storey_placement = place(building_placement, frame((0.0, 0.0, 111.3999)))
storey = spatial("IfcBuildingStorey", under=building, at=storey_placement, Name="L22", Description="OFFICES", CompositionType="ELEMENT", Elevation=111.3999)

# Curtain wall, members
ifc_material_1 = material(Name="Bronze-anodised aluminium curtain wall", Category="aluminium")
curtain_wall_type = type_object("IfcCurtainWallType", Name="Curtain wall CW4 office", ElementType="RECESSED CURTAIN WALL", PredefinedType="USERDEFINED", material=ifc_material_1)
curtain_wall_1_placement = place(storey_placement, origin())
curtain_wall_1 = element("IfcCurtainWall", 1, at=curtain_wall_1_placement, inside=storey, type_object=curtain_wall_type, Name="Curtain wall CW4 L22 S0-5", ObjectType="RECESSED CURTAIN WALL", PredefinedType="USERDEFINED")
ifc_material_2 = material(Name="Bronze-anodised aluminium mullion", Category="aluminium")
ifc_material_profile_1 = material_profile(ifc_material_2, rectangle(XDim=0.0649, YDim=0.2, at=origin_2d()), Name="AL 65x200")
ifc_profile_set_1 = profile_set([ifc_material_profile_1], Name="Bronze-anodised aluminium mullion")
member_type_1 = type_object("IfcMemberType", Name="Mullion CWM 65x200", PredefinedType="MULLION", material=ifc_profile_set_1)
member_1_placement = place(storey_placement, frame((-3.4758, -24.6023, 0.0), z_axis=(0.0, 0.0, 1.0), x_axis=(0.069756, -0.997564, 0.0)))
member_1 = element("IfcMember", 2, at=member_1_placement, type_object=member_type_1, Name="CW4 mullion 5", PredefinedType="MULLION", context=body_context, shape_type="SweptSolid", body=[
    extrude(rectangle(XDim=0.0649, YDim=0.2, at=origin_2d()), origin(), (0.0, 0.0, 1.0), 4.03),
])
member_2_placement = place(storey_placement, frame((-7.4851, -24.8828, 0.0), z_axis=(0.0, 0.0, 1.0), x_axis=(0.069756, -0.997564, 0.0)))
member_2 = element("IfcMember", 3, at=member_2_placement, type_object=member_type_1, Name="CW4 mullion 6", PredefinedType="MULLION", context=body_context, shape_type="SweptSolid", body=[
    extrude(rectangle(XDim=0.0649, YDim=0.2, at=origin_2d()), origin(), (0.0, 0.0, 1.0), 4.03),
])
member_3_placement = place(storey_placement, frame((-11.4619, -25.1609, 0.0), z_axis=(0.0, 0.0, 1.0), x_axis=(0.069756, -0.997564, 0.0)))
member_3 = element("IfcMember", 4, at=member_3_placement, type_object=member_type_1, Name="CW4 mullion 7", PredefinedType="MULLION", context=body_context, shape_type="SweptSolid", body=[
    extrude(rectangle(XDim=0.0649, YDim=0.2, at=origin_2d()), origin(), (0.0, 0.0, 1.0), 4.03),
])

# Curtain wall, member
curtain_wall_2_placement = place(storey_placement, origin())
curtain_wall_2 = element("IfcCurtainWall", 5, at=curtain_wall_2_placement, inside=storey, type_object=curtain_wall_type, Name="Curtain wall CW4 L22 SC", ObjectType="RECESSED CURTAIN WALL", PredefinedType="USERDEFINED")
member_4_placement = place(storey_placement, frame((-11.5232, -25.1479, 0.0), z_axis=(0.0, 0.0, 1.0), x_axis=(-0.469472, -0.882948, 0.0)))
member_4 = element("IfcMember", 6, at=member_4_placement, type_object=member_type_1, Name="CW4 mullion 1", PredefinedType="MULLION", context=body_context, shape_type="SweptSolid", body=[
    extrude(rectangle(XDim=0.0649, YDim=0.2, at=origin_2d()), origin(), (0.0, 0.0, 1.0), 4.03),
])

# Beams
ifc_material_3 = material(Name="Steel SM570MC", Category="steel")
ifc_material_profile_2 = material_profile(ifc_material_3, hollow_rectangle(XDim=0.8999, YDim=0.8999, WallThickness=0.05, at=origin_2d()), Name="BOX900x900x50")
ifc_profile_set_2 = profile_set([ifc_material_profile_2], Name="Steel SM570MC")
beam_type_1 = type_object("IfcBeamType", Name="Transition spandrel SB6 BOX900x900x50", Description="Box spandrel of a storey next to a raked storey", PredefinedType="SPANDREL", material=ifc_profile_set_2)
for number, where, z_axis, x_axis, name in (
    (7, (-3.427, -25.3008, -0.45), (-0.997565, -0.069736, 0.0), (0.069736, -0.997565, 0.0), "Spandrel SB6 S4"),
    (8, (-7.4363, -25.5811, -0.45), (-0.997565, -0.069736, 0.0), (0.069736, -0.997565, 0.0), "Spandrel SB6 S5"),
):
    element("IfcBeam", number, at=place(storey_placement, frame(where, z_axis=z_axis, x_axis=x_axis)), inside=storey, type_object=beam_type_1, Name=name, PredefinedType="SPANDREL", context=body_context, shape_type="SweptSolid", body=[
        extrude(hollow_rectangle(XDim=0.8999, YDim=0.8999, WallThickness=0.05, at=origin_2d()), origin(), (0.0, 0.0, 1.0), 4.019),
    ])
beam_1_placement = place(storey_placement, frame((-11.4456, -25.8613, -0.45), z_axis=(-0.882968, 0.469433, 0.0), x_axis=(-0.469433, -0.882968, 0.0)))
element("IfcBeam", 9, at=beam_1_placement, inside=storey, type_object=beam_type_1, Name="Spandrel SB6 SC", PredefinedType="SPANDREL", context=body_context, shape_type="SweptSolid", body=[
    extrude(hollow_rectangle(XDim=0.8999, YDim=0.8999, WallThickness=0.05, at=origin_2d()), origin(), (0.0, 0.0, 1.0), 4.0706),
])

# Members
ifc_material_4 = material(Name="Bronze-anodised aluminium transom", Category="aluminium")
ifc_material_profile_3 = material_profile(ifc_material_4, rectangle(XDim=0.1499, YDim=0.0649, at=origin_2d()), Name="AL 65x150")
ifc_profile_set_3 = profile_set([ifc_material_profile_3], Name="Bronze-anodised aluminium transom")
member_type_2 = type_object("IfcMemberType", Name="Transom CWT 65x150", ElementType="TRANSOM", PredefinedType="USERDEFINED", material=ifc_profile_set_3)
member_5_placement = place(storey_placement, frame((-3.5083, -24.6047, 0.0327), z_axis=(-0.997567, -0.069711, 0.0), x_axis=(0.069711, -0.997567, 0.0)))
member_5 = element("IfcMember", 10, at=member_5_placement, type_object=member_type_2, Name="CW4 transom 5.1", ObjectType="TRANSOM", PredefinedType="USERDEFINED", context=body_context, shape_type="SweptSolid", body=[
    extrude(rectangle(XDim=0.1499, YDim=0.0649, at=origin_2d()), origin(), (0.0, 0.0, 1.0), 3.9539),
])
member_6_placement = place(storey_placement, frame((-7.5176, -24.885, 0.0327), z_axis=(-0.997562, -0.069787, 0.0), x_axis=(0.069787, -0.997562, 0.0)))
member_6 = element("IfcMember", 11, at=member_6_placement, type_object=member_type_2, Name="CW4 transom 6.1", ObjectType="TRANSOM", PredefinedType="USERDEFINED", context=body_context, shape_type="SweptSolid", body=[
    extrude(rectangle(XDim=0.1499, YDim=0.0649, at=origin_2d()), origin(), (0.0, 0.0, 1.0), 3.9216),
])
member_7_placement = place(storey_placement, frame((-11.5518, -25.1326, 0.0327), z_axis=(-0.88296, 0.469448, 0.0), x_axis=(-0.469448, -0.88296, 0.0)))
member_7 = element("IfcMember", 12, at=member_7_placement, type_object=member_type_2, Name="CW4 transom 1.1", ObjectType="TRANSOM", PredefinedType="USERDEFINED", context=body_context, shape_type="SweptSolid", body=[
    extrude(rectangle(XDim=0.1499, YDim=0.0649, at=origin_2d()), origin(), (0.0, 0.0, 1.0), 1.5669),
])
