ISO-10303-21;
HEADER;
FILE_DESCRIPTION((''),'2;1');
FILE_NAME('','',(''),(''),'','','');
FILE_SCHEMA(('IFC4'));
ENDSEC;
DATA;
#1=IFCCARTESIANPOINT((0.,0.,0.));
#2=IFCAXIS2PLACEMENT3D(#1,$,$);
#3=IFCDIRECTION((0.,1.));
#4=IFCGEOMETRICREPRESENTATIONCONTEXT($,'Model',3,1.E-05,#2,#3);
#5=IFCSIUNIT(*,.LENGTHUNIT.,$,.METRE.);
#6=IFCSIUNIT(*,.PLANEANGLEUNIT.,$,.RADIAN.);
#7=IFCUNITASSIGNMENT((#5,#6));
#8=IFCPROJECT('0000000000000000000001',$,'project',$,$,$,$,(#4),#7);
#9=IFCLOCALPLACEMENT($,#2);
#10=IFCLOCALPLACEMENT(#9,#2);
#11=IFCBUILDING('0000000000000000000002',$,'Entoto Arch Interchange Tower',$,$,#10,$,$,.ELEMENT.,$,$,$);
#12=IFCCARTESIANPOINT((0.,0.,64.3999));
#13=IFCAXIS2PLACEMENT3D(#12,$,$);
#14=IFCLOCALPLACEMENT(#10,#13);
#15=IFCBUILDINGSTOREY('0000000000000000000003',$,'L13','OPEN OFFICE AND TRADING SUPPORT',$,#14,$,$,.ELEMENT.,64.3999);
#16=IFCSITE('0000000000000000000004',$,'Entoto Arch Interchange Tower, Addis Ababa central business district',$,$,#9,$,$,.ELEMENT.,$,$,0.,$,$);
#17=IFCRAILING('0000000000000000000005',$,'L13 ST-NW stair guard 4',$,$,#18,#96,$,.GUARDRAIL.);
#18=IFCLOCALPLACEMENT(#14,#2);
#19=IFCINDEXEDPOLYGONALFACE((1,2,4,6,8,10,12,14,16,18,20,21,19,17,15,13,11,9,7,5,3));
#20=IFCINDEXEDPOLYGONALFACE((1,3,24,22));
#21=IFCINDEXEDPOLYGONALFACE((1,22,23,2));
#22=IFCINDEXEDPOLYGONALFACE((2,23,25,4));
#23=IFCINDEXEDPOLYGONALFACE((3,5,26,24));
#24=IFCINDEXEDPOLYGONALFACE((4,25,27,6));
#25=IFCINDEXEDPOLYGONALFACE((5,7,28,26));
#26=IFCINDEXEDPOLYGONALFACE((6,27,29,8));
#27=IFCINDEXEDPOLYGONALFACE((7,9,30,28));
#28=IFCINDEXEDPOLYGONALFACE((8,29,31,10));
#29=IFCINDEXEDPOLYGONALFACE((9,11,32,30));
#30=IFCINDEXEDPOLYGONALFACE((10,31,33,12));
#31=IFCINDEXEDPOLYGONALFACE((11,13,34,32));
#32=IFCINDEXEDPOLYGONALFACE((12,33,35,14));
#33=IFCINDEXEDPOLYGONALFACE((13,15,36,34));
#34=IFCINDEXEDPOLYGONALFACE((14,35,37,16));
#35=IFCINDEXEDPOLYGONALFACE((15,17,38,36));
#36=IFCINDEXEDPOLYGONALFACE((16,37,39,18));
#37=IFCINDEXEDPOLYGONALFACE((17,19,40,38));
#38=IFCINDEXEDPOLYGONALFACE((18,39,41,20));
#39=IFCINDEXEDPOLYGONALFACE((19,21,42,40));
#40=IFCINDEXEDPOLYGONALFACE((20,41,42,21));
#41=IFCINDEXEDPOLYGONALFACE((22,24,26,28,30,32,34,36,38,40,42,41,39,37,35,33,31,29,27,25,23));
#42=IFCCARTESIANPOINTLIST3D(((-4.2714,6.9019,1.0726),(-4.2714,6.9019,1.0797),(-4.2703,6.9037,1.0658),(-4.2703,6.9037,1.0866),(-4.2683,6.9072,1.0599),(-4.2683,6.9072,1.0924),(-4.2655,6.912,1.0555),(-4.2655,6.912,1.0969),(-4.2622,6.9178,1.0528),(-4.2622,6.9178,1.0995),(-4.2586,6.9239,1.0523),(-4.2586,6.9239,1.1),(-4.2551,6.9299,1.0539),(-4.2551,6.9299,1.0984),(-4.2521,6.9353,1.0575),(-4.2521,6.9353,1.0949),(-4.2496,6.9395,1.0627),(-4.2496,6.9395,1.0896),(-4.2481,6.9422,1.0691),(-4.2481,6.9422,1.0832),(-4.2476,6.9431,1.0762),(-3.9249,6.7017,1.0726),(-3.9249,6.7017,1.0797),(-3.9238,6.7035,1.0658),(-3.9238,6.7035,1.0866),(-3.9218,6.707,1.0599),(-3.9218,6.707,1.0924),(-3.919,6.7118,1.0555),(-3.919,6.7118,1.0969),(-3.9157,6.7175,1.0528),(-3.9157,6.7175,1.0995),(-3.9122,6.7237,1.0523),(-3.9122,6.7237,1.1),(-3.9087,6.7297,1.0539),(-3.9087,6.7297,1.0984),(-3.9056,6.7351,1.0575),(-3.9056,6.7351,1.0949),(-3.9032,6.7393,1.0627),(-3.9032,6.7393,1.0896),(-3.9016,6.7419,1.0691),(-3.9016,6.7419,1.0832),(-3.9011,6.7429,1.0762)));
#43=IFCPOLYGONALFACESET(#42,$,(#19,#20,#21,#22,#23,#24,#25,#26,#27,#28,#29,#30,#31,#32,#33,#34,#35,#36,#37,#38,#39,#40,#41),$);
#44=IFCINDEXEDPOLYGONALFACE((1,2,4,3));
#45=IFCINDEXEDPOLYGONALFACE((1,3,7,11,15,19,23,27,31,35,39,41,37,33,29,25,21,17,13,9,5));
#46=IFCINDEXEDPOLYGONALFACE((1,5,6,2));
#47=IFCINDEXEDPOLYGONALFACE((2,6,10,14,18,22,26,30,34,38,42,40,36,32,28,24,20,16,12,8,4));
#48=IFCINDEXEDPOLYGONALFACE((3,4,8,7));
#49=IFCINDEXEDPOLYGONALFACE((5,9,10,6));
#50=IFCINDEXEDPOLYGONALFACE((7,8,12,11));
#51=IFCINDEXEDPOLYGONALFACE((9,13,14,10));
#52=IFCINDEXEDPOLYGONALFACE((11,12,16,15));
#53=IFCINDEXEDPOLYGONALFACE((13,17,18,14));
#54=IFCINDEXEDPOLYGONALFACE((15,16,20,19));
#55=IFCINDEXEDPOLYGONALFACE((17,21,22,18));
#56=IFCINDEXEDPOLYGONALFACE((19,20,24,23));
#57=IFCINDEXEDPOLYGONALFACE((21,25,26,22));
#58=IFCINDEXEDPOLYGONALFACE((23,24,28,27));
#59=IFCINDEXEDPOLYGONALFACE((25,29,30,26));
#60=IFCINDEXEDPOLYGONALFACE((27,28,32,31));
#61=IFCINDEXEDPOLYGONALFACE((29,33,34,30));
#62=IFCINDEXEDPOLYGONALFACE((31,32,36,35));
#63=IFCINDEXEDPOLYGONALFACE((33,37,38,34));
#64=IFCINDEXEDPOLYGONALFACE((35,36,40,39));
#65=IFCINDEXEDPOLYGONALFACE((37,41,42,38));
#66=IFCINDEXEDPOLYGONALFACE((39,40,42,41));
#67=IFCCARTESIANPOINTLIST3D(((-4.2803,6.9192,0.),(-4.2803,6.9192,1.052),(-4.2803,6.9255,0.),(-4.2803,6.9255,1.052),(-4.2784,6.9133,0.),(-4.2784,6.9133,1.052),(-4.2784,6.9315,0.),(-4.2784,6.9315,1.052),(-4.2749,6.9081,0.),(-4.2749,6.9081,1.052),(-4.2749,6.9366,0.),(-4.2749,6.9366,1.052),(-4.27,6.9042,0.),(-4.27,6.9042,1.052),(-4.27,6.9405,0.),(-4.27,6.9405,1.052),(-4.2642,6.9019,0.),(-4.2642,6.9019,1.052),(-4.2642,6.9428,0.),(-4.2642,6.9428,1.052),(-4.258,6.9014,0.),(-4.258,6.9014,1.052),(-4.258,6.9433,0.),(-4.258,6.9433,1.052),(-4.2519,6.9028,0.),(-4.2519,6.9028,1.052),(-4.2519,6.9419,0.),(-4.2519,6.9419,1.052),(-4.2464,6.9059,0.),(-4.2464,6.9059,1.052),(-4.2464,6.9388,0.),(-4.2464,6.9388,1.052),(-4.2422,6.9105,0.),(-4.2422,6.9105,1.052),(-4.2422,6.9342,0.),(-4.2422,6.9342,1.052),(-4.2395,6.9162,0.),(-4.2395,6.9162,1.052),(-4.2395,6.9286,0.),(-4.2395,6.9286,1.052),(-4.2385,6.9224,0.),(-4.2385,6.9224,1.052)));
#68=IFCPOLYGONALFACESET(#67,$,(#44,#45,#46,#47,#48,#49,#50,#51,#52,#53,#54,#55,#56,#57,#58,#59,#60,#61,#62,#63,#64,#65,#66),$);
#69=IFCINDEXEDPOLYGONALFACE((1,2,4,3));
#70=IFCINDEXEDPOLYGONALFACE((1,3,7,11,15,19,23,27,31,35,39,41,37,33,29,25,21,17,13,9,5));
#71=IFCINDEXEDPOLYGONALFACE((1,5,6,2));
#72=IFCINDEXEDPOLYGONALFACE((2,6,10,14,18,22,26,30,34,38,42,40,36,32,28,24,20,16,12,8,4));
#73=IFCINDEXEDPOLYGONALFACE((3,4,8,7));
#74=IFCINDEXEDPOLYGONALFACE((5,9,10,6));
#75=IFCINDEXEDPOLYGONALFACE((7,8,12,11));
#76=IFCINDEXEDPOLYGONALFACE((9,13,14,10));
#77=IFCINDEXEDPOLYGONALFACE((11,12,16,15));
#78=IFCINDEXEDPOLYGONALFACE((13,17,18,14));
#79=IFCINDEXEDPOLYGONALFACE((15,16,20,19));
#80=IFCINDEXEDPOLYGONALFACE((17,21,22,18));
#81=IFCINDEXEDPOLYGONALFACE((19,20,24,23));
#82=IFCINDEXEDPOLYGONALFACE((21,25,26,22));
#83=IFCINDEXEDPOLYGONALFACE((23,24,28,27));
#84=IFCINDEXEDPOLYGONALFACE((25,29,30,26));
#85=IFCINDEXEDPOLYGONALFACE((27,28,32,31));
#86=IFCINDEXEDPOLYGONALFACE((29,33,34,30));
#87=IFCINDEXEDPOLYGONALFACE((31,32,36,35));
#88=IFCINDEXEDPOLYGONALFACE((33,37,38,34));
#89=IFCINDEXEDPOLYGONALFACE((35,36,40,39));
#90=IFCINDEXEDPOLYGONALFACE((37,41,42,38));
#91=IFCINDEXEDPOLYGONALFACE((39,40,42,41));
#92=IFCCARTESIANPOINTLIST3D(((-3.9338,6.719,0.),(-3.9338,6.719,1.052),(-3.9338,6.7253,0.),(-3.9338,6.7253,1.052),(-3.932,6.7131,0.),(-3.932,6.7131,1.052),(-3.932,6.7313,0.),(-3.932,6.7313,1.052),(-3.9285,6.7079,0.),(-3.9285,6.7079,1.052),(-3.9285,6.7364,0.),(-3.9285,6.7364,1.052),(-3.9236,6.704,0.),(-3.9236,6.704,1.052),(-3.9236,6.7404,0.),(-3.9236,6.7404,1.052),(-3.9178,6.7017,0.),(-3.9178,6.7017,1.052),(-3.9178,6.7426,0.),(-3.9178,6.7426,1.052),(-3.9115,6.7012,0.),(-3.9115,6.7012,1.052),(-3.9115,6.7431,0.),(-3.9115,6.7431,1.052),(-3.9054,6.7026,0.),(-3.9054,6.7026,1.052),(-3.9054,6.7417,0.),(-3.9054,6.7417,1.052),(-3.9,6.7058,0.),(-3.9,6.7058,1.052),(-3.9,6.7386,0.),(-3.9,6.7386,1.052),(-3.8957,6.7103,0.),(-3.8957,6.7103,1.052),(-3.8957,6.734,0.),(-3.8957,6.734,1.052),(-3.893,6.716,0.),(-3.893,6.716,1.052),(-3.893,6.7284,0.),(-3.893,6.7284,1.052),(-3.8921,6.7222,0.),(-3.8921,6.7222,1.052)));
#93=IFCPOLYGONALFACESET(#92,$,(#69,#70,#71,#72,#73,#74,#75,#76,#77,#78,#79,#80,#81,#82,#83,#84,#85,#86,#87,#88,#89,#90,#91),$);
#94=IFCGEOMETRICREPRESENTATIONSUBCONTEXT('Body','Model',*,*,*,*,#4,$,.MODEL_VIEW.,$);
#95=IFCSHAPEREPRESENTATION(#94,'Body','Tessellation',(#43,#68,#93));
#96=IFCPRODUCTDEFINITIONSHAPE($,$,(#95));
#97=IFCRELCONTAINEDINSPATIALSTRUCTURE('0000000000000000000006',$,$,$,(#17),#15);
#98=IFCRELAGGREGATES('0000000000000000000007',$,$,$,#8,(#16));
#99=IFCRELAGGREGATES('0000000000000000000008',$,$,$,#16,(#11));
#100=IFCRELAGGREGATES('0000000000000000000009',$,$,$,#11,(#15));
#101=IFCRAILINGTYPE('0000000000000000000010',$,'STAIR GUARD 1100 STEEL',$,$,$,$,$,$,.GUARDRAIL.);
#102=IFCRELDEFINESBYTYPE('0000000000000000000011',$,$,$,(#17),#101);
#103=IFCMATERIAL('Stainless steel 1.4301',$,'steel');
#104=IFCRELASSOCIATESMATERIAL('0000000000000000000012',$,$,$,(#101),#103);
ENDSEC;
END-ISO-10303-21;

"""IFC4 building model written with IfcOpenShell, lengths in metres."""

from ifc_helpers import new_model, si_unit, direction, frame, origin, origin_2d, place, context, subcontext, project, spatial, circle, extrude, material, type_object, element, save


model = new_model("IFC4")

# Units and contexts
model_context = context("Model", 3, precision=1e-05, world=origin(), true_north=direction((0.0, 1.0)))
body_context = subcontext(model_context, "Body", "Model", "MODEL_VIEW")
ifc_project = project(units=[si_unit("LENGTHUNIT", "METRE"), si_unit("PLANEANGLEUNIT", "RADIAN")], contexts=[model_context])

# Site, building, storey
site_placement = place(None, origin())
site = spatial("IfcSite", under=ifc_project, at=site_placement, Name="Entoto Arch Interchange Tower, Addis Ababa central business district", CompositionType="ELEMENT", RefElevation=0.0)
building_placement = place(site_placement, origin())
building = spatial("IfcBuilding", under=site, at=building_placement, Name="Entoto Arch Interchange Tower", CompositionType="ELEMENT")
storey_placement = place(building_placement, frame((0.0, 0.0, 64.3999)))
storey = spatial("IfcBuildingStorey", under=building, at=storey_placement, Name="L13", Description="OPEN OFFICE AND TRADING SUPPORT", CompositionType="ELEMENT", Elevation=64.3999)

# Railing
ifc_material_1 = material(Name="Stainless steel 1.4301", Category="steel")
railing_type_1 = type_object("IfcRailingType", Name="STAIR GUARD 1100 STEEL", PredefinedType="GUARDRAIL", material=ifc_material_1)
railing_1_placement = place(storey_placement, frame((-4.2595, 6.9224, 0.0)))
element("IfcRailing", 1, at=railing_1_placement, inside=storey, type_object=railing_type_1, Name="L13 ST-NW stair guard 4", PredefinedType="GUARDRAIL", context=body_context, shape_type="SweptSolid", body=[
    extrude(circle(Radius=0.0239, at=origin_2d()), frame((0.0, 0.0, 1.0762), z_axis=(0.86583, -0.500339, 0.0), x_axis=(0.500339, 0.86583, 0.0)), (0.0, 0.0, 1.0), 0.4001),
    extrude(circle(Radius=0.021, at=origin_2d()), origin(), (0.0, 0.0, 1.0), 1.052),
    extrude(circle(Radius=0.021, at=origin_2d()), frame((0.3464, -0.2002, 0.0)), (0.0, 0.0, 1.0), 1.052),
])

save(model, "model.ifc")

+ + +

» **Exercise requirements**
Restate word for word only the lines above from the line containing "#25=IFCINDEXEDPOLYGONALFACE((5,7,28,26));" to the line containing "#35=IFCINDEXEDPOLYGONALFACE((15,17,38,36));", both of them included.

» **Exercise answer**
#25=IFCINDEXEDPOLYGONALFACE((5,7,28,26));
#26=IFCINDEXEDPOLYGONALFACE((6,27,29,8));
#27=IFCINDEXEDPOLYGONALFACE((7,9,30,28));
#28=IFCINDEXEDPOLYGONALFACE((8,29,31,10));
#29=IFCINDEXEDPOLYGONALFACE((9,11,32,30));
#30=IFCINDEXEDPOLYGONALFACE((10,31,33,12));
#31=IFCINDEXEDPOLYGONALFACE((11,13,34,32));
#32=IFCINDEXEDPOLYGONALFACE((12,33,35,14));
#33=IFCINDEXEDPOLYGONALFACE((13,15,36,34));
#34=IFCINDEXEDPOLYGONALFACE((14,35,37,16));
#35=IFCINDEXEDPOLYGONALFACE((15,17,38,36));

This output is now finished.